[Stored records]
'''

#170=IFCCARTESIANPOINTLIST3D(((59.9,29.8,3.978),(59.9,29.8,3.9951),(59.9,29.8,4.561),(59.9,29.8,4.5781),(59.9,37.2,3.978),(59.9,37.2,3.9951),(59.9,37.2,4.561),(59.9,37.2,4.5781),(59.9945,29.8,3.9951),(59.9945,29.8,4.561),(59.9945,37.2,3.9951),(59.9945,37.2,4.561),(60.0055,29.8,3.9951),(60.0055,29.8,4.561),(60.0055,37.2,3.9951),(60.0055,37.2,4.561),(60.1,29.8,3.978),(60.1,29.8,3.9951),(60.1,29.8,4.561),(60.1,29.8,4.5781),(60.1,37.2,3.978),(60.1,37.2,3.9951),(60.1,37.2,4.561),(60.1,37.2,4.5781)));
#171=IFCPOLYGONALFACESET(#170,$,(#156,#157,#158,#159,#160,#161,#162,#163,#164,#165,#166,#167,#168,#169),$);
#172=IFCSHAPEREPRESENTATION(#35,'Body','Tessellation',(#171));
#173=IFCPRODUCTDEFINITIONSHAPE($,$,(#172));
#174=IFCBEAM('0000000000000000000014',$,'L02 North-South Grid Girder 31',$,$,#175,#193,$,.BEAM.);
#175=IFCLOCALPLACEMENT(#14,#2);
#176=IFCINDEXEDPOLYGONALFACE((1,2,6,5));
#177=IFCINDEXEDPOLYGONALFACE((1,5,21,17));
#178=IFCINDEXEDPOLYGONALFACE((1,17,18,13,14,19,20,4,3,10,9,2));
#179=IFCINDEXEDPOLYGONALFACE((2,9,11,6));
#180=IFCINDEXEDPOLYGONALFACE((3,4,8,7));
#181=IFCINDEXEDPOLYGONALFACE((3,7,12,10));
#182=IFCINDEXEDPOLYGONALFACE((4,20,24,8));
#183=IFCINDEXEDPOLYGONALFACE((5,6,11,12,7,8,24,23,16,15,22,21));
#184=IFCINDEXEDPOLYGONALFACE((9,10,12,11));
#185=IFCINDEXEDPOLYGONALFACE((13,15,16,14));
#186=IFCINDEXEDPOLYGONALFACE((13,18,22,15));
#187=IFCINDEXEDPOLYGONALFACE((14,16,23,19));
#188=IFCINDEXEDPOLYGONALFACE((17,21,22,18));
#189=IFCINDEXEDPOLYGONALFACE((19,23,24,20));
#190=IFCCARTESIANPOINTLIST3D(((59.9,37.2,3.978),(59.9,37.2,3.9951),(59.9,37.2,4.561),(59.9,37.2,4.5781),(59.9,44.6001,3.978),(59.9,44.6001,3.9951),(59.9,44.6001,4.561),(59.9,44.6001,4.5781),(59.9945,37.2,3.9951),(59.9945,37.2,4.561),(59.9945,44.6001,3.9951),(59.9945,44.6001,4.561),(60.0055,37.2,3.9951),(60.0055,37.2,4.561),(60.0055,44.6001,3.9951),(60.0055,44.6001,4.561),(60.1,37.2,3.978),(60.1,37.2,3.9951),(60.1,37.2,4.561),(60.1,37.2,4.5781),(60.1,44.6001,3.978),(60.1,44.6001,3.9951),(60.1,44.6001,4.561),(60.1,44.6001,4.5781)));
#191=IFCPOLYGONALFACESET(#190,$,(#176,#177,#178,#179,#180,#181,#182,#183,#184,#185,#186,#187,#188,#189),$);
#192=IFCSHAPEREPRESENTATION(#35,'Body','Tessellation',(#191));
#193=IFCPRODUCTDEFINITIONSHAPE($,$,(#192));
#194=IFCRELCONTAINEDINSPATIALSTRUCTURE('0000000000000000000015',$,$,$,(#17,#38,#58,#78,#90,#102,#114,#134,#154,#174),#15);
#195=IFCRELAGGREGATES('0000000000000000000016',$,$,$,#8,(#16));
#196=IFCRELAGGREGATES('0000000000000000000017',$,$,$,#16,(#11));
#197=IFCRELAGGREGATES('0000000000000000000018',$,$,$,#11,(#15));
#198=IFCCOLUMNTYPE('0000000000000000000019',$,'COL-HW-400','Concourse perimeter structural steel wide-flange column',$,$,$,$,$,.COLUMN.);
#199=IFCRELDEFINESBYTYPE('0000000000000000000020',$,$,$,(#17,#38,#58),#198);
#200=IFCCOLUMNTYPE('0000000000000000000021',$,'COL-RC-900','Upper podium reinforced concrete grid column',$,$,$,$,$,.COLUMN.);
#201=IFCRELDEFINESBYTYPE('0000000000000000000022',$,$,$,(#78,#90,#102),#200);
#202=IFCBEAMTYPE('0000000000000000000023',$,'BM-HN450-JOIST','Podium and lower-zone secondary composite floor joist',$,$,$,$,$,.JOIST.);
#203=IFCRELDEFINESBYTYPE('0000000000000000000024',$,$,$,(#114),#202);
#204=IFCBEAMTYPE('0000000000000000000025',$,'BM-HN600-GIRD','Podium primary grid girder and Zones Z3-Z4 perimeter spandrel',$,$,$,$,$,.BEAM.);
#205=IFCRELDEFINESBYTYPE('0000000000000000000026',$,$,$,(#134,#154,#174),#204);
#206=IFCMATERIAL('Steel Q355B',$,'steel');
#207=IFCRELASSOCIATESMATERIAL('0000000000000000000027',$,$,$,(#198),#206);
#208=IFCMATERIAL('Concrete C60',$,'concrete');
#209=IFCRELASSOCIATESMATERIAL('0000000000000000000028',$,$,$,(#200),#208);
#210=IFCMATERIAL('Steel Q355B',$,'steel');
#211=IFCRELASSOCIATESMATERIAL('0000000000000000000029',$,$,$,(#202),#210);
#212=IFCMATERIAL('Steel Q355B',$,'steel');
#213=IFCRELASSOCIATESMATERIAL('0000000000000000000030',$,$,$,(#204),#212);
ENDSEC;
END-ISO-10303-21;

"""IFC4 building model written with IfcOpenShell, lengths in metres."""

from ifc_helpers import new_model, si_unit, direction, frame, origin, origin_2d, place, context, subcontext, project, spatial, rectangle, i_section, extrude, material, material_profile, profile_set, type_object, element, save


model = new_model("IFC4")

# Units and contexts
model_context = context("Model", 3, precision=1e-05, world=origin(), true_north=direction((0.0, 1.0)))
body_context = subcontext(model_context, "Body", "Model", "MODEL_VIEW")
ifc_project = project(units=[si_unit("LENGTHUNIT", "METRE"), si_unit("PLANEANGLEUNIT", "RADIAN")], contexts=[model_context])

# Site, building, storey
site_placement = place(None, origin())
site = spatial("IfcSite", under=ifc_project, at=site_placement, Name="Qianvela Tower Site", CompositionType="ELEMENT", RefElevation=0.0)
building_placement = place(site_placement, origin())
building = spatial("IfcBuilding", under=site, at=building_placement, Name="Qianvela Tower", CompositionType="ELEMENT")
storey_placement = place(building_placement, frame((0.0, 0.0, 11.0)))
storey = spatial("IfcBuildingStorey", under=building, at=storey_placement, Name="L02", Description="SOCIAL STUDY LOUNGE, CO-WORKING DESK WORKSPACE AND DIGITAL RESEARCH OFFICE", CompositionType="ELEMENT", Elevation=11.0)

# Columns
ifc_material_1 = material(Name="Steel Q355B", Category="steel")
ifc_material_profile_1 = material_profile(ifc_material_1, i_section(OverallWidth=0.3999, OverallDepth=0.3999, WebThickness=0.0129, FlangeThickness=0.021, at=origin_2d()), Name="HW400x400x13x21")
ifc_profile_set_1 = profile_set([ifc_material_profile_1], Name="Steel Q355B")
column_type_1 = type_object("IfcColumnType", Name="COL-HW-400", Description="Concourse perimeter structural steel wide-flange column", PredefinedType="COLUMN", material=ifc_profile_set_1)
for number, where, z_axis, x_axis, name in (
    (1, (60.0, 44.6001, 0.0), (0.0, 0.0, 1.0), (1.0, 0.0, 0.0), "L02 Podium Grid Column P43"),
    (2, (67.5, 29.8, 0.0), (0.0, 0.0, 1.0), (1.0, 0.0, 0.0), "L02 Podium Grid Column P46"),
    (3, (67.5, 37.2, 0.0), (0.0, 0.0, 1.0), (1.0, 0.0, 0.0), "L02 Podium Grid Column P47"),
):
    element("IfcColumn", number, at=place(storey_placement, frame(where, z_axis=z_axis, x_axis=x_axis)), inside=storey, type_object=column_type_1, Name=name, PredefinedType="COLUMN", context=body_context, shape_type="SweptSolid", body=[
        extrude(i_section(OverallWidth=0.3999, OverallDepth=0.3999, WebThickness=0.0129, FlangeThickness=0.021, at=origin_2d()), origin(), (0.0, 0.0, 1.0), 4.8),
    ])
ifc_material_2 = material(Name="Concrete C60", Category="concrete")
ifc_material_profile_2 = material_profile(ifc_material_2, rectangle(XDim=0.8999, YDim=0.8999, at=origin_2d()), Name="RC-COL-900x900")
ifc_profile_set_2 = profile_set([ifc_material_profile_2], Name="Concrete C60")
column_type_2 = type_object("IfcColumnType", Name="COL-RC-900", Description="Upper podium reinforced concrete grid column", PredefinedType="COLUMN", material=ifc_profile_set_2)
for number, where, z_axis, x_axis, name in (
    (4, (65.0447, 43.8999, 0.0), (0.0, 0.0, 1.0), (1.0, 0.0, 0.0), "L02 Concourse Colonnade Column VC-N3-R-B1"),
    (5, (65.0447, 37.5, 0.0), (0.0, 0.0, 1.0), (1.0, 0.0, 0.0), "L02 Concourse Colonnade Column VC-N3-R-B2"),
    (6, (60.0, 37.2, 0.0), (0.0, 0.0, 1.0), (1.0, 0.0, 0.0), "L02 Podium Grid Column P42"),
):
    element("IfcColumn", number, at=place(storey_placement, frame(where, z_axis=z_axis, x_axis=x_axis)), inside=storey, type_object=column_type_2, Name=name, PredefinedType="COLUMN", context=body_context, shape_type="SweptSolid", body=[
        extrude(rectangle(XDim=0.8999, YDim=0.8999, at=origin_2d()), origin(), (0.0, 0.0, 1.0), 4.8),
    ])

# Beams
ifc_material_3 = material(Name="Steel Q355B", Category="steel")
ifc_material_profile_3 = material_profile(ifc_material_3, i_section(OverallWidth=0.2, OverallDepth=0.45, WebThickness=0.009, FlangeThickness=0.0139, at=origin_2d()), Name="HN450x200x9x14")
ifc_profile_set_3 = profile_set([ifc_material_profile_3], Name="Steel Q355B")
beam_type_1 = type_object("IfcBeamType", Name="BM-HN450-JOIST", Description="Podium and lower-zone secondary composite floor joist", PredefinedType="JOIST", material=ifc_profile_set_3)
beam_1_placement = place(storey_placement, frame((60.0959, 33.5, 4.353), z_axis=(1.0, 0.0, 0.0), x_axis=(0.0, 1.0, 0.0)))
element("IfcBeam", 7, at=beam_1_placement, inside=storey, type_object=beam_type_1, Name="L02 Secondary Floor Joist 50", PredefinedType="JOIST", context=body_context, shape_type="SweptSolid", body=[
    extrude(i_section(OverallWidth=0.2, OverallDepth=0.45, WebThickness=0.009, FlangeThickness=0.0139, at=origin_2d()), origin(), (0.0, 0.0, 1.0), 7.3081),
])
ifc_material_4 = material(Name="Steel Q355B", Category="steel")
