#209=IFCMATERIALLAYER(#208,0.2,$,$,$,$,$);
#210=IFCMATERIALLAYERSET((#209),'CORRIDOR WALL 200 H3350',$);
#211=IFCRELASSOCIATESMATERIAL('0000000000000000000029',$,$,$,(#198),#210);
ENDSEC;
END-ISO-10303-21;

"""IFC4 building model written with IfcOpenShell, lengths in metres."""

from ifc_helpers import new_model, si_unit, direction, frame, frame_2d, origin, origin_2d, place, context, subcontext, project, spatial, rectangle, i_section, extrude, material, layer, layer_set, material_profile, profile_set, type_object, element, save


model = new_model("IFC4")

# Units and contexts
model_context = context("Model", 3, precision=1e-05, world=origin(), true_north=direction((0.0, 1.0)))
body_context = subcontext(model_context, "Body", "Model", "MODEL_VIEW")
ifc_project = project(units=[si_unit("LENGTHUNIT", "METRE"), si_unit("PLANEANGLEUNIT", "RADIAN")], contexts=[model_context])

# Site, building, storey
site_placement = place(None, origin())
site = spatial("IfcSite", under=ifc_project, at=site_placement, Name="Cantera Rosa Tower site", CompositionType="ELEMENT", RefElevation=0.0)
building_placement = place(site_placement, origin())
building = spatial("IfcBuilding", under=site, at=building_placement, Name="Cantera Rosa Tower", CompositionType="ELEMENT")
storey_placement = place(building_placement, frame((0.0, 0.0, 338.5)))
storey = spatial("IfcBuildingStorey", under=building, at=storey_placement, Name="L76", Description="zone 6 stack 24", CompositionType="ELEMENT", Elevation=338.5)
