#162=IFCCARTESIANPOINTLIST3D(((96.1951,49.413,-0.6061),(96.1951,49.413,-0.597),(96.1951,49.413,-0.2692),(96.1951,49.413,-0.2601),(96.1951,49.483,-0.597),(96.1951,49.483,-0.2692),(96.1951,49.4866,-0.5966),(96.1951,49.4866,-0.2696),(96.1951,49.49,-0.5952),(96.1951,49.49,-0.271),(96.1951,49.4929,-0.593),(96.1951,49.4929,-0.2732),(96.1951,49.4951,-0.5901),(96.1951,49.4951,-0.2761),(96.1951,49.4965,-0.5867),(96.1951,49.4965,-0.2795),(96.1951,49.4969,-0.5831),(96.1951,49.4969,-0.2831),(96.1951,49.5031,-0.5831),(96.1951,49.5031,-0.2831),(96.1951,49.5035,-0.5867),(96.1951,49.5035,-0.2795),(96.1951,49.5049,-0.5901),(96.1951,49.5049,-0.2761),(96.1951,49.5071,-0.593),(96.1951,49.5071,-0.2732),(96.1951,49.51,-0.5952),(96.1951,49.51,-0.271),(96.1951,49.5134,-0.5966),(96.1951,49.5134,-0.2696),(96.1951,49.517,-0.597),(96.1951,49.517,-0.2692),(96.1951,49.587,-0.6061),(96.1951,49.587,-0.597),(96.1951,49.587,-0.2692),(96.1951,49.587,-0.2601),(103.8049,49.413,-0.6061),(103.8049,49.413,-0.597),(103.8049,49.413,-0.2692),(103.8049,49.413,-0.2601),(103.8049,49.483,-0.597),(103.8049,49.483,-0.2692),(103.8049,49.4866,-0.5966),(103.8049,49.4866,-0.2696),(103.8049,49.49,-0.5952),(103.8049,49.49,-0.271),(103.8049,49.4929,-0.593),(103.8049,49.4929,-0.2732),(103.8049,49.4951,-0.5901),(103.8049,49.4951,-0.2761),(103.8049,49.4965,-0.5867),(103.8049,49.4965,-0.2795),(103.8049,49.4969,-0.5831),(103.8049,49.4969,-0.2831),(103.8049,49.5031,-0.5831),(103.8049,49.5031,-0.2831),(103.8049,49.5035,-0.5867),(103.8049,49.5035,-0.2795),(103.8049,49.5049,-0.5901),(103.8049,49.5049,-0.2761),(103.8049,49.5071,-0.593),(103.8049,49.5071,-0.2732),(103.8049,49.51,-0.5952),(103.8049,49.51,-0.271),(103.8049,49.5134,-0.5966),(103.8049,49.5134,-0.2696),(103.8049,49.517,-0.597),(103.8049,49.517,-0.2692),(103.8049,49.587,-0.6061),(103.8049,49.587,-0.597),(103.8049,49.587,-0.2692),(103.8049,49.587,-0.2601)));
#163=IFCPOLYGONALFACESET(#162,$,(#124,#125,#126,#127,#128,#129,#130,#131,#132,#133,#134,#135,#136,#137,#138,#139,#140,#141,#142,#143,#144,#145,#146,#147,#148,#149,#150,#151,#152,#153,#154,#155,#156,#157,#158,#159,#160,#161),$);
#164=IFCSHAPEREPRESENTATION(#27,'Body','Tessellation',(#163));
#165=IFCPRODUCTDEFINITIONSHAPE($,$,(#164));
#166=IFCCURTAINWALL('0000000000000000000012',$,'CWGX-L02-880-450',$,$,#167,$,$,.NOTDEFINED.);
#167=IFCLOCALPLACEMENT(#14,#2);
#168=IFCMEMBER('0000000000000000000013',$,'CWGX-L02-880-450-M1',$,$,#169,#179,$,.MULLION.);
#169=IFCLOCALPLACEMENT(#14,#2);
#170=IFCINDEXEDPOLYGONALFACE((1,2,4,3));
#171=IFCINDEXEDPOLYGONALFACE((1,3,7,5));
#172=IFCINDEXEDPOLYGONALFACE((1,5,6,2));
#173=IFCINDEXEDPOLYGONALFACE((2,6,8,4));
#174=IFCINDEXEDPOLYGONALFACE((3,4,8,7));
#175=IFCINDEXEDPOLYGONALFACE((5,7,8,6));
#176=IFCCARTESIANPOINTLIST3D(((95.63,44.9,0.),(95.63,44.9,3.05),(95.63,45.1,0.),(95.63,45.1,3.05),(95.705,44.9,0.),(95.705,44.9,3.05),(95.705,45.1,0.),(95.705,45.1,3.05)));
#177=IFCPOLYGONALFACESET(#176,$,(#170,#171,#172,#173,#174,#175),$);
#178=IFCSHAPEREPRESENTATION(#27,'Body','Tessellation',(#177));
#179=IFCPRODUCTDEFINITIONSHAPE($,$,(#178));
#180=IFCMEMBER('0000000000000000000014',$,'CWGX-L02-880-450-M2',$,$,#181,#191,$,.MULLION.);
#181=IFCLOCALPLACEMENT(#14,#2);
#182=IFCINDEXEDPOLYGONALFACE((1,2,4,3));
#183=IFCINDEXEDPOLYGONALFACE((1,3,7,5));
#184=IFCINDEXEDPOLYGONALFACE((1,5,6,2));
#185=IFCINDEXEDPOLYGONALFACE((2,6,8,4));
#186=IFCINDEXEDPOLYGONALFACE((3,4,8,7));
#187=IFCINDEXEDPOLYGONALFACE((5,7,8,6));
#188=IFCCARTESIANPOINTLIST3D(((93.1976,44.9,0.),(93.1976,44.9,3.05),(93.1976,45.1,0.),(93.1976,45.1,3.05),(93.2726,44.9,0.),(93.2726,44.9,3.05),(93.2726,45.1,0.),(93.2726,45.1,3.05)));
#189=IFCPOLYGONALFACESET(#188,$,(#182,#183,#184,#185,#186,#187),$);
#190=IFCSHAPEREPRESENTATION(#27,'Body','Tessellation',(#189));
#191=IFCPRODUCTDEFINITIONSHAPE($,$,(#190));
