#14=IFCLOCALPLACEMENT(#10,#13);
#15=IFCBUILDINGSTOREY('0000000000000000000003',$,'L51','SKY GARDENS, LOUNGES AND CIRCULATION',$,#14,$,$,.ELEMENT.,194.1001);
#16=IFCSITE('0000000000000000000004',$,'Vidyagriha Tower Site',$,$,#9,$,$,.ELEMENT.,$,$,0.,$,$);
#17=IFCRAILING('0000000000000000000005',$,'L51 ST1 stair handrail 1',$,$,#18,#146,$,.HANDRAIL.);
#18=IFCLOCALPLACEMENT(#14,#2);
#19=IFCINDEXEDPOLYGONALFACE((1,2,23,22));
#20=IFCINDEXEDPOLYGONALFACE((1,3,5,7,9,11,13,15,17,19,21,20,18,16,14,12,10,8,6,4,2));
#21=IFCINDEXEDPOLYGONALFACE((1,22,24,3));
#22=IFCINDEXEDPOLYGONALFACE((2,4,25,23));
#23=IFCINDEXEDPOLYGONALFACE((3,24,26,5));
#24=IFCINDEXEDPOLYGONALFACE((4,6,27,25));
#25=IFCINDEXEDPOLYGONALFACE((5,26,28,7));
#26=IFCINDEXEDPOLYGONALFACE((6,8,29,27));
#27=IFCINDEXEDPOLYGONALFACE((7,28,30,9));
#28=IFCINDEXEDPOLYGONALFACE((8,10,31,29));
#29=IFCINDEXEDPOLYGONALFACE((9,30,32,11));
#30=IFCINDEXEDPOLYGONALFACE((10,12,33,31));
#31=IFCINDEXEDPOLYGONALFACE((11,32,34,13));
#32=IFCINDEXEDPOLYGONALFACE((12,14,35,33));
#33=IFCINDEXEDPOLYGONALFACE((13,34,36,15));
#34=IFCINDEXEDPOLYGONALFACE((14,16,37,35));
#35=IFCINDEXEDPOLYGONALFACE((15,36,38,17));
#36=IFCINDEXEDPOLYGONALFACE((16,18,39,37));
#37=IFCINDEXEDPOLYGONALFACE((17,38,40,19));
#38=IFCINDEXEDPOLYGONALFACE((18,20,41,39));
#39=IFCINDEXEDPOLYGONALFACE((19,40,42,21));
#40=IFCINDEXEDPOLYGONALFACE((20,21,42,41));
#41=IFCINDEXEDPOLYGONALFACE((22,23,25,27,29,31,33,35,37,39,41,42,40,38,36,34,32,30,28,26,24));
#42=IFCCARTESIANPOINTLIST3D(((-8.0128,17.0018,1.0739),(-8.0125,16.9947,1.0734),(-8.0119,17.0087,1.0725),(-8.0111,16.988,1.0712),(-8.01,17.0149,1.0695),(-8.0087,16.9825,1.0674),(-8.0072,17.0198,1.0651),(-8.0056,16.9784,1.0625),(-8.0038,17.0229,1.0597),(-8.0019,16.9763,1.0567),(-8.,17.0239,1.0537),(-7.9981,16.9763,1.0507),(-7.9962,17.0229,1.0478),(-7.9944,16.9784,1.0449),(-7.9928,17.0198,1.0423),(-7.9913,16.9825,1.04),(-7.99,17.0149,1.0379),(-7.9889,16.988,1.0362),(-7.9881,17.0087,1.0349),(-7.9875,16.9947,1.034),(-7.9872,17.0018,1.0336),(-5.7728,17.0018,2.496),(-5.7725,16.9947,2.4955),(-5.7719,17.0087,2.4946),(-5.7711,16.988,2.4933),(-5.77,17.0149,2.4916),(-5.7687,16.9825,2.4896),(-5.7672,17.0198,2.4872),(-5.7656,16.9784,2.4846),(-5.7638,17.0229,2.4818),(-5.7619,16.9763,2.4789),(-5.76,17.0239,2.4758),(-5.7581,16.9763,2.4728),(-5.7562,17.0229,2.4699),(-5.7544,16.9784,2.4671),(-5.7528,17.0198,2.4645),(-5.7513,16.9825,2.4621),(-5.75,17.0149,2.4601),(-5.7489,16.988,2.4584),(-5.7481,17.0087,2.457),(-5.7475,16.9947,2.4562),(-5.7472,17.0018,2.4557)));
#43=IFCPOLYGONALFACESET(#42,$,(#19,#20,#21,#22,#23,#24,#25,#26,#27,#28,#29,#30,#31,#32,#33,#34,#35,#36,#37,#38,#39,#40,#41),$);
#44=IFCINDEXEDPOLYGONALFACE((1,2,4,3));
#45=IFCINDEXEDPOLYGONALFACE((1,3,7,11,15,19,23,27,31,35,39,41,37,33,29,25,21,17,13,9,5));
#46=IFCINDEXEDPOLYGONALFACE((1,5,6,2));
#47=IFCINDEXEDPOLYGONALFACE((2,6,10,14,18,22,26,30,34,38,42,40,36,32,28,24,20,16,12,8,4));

'''

=== WORK REQUEST ===
Every line in the records above that contains the word "FlangeThickness" is to be copied out.

=== TASK OUTPUT ===
ifc_material_profile_1 = material_profile(ifc_material_1, i_section(OverallWidth=0.3999, OverallDepth=0.3999, WebThickness=0.0129, FlangeThickness=0.021, at=origin_2d()), Name="HW400x400x13x21")
        extrude(i_section(OverallWidth=0.3999, OverallDepth=0.3999, WebThickness=0.0129, FlangeThickness=0.021, at=origin_2d()), origin(), (0.0, 0.0, 1.0), 4.8),
ifc_material_profile_3 = material_profile(ifc_material_3, i_section(OverallWidth=0.2, OverallDepth=0.45, WebThickness=0.009, FlangeThickness=0.0139, at=origin_2d()), Name="HN450x200x9x14")
    extrude(i_section(OverallWidth=0.2, OverallDepth=0.45, WebThickness=0.009, FlangeThickness=0.0139, at=origin_2d()), origin(), (0.0, 0.0, 1.0), 7.3081),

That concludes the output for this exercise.